Saved entries
*** Begin section ***

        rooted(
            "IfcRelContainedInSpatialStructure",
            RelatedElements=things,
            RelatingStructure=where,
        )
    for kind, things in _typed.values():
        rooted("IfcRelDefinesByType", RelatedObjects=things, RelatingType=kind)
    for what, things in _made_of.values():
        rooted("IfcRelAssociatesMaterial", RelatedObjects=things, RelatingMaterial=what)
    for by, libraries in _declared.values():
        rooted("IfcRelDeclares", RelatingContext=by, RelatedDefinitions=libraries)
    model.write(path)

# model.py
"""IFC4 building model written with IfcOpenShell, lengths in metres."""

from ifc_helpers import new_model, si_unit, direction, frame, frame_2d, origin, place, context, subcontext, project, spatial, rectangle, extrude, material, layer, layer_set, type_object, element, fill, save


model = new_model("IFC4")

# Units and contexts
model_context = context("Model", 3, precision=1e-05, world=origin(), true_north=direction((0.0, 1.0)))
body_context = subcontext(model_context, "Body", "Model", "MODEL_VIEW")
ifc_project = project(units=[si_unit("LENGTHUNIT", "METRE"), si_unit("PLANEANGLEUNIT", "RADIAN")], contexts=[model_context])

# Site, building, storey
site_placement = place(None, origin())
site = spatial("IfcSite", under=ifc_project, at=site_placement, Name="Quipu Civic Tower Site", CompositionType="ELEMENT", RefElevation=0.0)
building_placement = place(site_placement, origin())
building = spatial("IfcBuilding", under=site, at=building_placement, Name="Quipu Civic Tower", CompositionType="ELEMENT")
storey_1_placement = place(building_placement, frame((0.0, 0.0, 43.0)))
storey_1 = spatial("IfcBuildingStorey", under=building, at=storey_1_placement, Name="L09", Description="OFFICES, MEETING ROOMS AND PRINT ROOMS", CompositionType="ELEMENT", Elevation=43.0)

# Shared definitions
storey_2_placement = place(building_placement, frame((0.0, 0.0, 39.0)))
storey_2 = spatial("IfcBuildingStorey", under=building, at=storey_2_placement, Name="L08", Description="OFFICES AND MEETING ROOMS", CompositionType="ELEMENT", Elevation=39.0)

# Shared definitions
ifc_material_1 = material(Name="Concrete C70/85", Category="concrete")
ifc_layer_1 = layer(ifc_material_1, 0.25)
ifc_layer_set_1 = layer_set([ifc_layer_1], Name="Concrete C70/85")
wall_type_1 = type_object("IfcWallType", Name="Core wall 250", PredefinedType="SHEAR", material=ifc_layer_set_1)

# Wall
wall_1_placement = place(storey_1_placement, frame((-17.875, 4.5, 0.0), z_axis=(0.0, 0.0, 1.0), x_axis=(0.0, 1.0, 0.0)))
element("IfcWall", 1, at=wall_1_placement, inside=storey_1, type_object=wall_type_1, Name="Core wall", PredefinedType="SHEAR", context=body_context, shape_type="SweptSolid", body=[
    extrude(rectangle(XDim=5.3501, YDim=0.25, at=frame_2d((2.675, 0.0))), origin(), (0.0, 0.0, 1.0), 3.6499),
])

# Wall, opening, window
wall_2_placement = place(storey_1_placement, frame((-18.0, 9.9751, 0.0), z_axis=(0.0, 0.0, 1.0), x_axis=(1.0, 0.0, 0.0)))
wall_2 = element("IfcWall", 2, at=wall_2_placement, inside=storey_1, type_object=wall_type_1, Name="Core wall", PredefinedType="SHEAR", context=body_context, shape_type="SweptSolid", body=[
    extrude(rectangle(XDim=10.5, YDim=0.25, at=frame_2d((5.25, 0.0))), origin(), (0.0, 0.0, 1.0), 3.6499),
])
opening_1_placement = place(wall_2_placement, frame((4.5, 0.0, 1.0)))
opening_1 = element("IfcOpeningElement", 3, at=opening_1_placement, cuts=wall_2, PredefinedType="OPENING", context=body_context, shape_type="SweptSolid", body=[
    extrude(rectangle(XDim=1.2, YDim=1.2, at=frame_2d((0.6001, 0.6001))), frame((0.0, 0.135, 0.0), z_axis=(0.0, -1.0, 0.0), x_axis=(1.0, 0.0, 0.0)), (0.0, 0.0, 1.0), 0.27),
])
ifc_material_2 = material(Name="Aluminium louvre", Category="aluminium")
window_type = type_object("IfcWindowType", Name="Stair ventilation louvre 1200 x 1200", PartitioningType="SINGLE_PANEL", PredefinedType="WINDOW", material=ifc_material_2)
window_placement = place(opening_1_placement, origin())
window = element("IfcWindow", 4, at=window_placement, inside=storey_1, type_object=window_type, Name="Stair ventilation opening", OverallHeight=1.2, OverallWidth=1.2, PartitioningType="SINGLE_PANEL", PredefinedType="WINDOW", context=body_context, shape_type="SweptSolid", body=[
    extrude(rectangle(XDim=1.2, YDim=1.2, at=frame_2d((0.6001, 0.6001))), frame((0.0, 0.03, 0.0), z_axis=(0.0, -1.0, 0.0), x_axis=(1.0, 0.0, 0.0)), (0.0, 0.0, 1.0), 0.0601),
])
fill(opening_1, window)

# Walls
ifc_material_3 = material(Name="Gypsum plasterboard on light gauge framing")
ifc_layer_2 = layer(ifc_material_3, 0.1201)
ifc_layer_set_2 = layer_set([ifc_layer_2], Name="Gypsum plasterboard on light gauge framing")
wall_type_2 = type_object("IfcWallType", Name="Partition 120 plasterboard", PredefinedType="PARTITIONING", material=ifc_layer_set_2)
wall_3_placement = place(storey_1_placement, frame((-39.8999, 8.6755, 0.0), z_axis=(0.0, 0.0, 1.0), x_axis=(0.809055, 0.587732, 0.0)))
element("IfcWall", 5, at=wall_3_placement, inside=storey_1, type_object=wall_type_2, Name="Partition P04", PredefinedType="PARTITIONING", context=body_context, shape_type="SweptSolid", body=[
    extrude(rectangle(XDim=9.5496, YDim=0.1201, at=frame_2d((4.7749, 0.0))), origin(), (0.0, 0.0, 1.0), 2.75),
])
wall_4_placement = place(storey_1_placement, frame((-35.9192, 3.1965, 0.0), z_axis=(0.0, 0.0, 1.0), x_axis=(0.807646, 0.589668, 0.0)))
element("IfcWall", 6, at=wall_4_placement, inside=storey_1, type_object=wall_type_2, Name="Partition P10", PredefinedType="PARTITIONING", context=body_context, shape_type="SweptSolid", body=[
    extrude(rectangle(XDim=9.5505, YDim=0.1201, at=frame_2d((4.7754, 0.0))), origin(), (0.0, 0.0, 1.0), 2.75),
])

*** End section ***

If a line comes after the one that contains "for by, libraries", leave it out; return every line of the entries up to that point exactly, starting with the first, with that line included.

Task response:
        rooted(
            "IfcRelContainedInSpatialStructure",
            RelatedElements=things,
            RelatingStructure=where,
        )
    for kind, things in _typed.values():
        rooted("IfcRelDefinesByType", RelatedObjects=things, RelatingType=kind)
    for what, things in _made_of.values():
        rooted("IfcRelAssociatesMaterial", RelatedObjects=things, RelatingMaterial=what)
    for by, libraries in _declared.values():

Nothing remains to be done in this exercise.